Copy exactly the lines of the records below, and only those lines, beginning with the line that contains "#18=IFCCARTESIANPOINT((148.2,124.1274,0.));" and ending with the line that contains "#37=IFCINDEXEDPOLYGONALFACE((21,22,24,23));".
** Opening TASK INPUT block **
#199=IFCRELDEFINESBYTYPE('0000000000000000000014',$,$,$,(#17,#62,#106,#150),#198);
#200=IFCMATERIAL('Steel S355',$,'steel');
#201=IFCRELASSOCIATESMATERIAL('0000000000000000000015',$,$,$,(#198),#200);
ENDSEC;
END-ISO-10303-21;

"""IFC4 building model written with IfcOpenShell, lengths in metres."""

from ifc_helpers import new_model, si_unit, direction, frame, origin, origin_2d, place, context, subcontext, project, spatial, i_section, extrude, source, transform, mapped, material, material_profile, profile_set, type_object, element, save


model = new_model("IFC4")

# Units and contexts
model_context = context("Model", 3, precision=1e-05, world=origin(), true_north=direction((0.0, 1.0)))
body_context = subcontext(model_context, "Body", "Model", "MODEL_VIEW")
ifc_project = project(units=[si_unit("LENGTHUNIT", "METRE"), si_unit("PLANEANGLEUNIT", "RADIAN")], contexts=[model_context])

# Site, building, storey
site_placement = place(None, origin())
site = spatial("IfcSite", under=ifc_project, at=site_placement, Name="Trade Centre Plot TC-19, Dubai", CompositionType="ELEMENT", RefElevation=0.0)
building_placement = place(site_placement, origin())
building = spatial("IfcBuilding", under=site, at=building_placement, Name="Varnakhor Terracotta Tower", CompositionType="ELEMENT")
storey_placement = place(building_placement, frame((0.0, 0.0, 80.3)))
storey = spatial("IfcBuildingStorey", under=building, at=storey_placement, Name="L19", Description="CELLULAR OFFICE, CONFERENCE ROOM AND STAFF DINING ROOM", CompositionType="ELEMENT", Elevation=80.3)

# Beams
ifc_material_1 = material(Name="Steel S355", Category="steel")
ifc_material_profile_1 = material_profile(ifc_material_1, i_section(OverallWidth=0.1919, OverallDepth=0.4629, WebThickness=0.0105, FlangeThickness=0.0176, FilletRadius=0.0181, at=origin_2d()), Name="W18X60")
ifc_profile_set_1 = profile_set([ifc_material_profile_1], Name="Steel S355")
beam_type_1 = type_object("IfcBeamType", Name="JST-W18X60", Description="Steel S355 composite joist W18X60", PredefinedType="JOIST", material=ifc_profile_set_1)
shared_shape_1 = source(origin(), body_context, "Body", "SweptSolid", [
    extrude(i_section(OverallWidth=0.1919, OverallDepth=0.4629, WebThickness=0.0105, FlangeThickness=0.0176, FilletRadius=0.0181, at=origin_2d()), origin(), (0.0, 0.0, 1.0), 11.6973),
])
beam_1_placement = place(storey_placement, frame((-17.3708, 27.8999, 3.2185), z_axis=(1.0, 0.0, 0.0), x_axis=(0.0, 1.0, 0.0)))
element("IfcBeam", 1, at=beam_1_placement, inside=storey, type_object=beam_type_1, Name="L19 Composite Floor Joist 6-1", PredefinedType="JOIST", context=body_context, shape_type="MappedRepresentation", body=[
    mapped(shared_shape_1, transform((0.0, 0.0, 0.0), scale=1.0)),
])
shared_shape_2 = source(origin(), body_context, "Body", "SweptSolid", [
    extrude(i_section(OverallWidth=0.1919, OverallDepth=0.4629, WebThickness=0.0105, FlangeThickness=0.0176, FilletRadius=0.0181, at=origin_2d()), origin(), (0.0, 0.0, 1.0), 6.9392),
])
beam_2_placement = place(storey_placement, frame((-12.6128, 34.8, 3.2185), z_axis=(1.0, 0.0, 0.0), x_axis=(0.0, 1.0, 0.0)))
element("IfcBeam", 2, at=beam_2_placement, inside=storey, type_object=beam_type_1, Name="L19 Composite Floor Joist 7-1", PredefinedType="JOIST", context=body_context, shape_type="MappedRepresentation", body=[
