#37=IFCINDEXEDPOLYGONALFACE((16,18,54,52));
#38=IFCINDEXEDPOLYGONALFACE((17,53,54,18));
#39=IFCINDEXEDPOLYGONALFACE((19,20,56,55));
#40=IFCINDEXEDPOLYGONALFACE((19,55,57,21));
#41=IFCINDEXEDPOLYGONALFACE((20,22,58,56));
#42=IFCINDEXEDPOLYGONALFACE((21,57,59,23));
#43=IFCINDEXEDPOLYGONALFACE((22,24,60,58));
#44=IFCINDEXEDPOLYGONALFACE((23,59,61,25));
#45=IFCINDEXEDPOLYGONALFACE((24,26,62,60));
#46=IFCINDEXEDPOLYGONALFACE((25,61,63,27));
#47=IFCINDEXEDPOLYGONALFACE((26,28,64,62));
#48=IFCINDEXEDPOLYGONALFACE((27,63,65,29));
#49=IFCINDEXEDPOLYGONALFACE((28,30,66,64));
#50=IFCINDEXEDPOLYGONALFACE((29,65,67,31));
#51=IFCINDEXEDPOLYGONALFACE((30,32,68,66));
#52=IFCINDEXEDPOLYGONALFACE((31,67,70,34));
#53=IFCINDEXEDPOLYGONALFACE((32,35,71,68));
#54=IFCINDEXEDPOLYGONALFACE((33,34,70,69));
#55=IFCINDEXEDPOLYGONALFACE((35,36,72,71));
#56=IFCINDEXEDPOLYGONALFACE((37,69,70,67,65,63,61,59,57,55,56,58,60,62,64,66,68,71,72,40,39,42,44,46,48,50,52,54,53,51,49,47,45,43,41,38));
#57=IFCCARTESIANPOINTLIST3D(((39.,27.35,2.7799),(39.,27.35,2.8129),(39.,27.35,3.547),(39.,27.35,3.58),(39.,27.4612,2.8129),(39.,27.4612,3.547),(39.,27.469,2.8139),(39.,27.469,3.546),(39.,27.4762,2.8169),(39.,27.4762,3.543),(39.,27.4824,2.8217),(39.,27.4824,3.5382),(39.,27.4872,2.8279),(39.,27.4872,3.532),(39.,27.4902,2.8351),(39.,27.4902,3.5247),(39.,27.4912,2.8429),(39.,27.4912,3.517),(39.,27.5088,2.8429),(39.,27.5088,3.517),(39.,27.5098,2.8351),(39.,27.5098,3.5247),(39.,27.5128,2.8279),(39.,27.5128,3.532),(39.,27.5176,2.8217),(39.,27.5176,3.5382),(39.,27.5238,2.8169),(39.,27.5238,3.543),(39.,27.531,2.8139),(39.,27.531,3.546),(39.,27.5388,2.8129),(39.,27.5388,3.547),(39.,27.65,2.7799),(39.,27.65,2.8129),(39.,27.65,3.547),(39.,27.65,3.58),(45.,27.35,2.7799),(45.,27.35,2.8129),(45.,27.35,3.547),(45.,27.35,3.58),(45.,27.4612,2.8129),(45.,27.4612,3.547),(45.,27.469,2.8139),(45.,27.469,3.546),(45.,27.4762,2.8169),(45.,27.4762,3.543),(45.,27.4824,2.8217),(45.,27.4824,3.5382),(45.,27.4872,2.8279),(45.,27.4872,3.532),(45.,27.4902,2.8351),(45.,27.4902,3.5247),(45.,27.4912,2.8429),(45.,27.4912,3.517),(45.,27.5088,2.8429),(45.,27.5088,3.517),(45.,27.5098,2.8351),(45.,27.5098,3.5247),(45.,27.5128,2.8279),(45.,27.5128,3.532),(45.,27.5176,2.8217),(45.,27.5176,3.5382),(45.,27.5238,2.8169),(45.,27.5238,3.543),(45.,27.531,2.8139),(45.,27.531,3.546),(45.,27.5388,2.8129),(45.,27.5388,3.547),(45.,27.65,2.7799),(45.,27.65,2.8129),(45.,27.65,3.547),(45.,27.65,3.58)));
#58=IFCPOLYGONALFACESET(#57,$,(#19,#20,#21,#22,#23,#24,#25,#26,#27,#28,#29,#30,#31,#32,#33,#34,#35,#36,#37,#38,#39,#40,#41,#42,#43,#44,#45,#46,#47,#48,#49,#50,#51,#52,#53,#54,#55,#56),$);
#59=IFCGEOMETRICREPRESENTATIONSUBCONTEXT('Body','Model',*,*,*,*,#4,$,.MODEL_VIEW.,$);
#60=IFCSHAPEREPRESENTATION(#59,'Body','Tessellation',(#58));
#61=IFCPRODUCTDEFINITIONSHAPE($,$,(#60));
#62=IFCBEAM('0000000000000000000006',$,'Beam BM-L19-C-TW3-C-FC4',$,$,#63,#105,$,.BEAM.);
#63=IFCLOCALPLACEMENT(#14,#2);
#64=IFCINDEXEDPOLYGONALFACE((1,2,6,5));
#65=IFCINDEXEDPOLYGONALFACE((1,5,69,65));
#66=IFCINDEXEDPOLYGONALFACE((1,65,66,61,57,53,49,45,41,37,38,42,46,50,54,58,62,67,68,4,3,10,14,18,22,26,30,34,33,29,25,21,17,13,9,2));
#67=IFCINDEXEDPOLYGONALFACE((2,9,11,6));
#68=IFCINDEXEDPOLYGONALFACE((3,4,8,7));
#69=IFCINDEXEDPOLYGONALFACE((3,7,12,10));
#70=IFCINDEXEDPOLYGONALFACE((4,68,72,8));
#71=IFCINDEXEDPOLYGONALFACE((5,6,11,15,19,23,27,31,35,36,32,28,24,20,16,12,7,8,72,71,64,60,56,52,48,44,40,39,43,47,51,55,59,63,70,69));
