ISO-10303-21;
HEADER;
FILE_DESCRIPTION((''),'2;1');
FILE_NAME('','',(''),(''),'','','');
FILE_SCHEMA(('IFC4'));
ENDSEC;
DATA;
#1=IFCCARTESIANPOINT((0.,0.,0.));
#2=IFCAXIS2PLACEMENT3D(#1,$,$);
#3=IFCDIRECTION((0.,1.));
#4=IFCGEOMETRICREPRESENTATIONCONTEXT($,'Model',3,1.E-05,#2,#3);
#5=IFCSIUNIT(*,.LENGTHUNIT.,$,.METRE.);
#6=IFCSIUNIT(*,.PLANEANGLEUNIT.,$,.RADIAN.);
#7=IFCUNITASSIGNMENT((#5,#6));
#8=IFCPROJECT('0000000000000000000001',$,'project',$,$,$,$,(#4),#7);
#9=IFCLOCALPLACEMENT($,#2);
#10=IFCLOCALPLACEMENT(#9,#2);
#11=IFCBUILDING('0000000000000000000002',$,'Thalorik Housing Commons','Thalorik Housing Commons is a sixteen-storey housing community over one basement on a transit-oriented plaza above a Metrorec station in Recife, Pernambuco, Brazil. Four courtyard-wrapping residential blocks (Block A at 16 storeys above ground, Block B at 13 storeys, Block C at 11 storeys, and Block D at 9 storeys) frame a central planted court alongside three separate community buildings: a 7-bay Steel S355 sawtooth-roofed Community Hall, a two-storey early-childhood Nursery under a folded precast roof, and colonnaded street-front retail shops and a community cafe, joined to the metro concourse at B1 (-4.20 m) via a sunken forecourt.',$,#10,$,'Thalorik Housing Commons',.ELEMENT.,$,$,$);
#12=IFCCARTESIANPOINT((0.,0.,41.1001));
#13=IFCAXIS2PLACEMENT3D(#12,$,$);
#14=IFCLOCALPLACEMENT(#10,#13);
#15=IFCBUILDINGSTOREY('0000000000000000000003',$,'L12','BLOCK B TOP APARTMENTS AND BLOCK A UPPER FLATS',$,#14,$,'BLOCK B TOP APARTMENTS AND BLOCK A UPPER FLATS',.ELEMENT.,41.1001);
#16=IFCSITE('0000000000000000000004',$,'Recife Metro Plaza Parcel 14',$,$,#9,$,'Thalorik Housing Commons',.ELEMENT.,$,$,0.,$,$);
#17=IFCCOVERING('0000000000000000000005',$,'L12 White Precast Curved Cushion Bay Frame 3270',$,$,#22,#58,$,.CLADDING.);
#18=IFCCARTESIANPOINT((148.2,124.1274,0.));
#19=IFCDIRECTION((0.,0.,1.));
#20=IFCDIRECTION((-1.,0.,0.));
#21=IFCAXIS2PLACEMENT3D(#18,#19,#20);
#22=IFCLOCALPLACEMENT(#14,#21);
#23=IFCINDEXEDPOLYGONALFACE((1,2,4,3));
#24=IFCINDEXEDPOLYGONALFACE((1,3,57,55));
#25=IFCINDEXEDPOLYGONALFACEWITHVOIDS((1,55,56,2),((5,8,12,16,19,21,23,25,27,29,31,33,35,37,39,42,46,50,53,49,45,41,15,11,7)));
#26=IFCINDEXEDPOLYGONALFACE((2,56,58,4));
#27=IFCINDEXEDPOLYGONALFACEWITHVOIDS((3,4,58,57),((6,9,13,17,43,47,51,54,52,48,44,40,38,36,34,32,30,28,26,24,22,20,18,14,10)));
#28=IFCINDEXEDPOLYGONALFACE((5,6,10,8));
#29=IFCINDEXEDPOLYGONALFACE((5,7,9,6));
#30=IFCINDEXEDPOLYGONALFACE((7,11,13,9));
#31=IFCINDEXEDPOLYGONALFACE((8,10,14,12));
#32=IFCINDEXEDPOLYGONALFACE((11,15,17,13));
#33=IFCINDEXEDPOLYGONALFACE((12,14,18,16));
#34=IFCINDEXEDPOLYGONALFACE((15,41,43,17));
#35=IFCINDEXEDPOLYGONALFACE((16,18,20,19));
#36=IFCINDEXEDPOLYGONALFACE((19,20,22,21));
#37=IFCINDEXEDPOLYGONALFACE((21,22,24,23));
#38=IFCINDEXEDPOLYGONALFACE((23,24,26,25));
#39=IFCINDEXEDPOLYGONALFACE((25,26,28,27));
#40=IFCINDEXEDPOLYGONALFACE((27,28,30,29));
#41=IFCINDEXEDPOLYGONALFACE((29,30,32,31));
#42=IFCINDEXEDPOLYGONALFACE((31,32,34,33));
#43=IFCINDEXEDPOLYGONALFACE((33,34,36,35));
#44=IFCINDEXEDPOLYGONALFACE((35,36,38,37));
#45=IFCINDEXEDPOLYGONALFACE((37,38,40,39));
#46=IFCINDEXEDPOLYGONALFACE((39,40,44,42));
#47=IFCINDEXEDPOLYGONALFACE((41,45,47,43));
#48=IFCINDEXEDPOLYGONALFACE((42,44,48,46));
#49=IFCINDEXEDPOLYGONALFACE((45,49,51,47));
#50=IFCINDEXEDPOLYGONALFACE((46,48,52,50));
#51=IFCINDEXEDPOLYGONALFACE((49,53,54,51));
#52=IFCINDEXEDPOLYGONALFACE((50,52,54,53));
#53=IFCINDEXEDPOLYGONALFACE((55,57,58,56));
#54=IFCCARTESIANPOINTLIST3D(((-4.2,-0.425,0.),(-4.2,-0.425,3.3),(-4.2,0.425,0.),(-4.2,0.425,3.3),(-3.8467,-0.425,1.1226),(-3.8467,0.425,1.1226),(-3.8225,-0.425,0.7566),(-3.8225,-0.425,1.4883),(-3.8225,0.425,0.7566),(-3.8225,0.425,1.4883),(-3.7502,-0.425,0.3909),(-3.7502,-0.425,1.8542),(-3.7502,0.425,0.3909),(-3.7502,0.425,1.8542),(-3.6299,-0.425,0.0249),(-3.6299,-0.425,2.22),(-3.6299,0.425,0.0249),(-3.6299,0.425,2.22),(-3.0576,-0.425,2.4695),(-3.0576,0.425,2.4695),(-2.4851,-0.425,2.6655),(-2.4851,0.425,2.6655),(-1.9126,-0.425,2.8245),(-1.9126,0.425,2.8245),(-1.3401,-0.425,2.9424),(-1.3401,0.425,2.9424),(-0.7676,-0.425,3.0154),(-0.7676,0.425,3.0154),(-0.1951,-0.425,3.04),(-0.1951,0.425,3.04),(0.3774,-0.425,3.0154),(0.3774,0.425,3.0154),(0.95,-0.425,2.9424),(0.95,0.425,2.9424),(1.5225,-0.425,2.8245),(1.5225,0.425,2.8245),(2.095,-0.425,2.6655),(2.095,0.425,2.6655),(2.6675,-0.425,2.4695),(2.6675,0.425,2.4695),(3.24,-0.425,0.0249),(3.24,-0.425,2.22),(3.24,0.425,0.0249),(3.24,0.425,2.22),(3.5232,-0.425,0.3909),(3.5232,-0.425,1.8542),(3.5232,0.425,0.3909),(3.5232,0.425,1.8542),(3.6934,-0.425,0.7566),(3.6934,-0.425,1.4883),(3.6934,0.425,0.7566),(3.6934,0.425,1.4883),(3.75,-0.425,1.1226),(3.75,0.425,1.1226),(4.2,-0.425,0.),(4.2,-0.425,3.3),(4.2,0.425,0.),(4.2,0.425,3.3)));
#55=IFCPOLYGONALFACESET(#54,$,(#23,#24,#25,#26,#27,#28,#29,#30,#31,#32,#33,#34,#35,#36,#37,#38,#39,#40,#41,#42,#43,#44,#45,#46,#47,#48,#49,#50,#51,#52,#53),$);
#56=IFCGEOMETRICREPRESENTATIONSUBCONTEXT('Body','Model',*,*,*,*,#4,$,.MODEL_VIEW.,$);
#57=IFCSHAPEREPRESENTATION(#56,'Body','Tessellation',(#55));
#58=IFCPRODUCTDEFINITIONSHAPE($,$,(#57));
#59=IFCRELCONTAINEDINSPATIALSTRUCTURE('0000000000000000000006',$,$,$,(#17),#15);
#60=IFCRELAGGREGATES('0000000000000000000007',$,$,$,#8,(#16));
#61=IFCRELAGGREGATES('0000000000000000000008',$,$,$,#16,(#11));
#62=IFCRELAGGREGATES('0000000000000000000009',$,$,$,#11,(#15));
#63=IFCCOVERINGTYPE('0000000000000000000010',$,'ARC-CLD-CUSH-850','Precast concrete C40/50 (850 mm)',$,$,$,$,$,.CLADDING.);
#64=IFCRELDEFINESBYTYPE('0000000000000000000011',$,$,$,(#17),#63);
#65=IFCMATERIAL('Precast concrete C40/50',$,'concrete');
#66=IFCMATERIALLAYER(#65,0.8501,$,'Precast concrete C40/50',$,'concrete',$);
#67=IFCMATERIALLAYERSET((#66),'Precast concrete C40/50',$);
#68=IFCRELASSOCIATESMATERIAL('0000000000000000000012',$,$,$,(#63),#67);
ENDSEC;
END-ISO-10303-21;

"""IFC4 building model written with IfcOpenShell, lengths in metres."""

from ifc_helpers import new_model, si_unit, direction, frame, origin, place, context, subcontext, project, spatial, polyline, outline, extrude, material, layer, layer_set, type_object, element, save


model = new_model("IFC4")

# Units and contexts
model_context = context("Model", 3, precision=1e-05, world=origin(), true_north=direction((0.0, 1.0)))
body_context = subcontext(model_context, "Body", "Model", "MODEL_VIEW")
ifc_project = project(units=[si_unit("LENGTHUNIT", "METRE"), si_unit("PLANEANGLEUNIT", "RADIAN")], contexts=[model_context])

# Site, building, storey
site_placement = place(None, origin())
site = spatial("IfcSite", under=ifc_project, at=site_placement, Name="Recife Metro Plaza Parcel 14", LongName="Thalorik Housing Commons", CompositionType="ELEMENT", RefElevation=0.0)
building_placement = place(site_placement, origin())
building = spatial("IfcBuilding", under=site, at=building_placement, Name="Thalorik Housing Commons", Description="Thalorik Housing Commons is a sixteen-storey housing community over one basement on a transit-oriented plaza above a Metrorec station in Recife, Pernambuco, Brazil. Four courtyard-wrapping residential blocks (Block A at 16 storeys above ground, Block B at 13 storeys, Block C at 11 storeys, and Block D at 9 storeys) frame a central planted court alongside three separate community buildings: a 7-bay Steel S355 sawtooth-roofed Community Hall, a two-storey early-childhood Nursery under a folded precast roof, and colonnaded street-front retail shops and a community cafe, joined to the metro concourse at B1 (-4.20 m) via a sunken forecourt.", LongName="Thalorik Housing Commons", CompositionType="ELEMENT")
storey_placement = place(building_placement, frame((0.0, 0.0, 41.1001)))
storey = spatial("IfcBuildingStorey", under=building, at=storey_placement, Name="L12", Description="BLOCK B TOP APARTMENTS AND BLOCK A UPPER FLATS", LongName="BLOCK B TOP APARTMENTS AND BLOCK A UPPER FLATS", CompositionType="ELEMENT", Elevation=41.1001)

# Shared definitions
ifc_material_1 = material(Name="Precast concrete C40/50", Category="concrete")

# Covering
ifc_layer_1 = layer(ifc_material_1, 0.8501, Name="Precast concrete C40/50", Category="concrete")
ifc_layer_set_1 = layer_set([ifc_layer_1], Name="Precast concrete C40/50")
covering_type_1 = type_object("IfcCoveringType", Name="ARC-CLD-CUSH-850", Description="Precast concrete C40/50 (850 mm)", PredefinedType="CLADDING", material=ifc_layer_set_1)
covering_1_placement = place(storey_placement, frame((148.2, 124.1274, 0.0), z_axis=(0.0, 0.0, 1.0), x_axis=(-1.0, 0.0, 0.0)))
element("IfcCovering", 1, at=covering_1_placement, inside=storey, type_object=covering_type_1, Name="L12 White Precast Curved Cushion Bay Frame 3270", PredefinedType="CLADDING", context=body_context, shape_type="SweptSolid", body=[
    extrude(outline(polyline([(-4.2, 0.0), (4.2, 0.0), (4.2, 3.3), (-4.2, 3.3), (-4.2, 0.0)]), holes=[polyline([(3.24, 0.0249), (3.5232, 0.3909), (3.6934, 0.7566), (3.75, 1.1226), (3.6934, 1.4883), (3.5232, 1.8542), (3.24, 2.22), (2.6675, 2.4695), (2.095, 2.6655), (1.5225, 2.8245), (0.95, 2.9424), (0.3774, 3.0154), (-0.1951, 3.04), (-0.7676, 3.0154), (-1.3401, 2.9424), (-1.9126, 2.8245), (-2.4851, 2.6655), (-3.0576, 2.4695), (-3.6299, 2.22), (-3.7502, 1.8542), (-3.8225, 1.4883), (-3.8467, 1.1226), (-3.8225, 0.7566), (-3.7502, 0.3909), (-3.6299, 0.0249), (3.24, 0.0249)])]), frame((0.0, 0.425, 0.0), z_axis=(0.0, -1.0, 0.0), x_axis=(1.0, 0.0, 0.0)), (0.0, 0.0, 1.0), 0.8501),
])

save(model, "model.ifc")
** Closing TASK INPUT block **
RESULT.
#18=IFCCARTESIANPOINT((148.2,124.1274,0.));
#19=IFCDIRECTION((0.,0.,1.));
#20=IFCDIRECTION((-1.,0.,0.));
#21=IFCAXIS2PLACEMENT3D(#18,#19,#20);
#22=IFCLOCALPLACEMENT(#14,#21);
#23=IFCINDEXEDPOLYGONALFACE((1,2,4,3));
#24=IFCINDEXEDPOLYGONALFACE((1,3,57,55));
#25=IFCINDEXEDPOLYGONALFACEWITHVOIDS((1,55,56,2),((5,8,12,16,19,21,23,25,27,29,31,33,35,37,39,42,46,50,53,49,45,41,15,11,7)));
#26=IFCINDEXEDPOLYGONALFACE((2,56,58,4));
#27=IFCINDEXEDPOLYGONALFACEWITHVOIDS((3,4,58,57),((6,9,13,17,43,47,51,54,52,48,44,40,38,36,34,32,30,28,26,24,22,20,18,14,10)));
#28=IFCINDEXEDPOLYGONALFACE((5,6,10,8));
#29=IFCINDEXEDPOLYGONALFACE((5,7,9,6));
#30=IFCINDEXEDPOLYGONALFACE((7,11,13,9));
#31=IFCINDEXEDPOLYGONALFACE((8,10,14,12));
#32=IFCINDEXEDPOLYGONALFACE((11,15,17,13));
#33=IFCINDEXEDPOLYGONALFACE((12,14,18,16));
#34=IFCINDEXEDPOLYGONALFACE((15,41,43,17));
#35=IFCINDEXEDPOLYGONALFACE((16,18,20,19));
#36=IFCINDEXEDPOLYGONALFACE((19,20,22,21));
#37=IFCINDEXEDPOLYGONALFACE((21,22,24,23));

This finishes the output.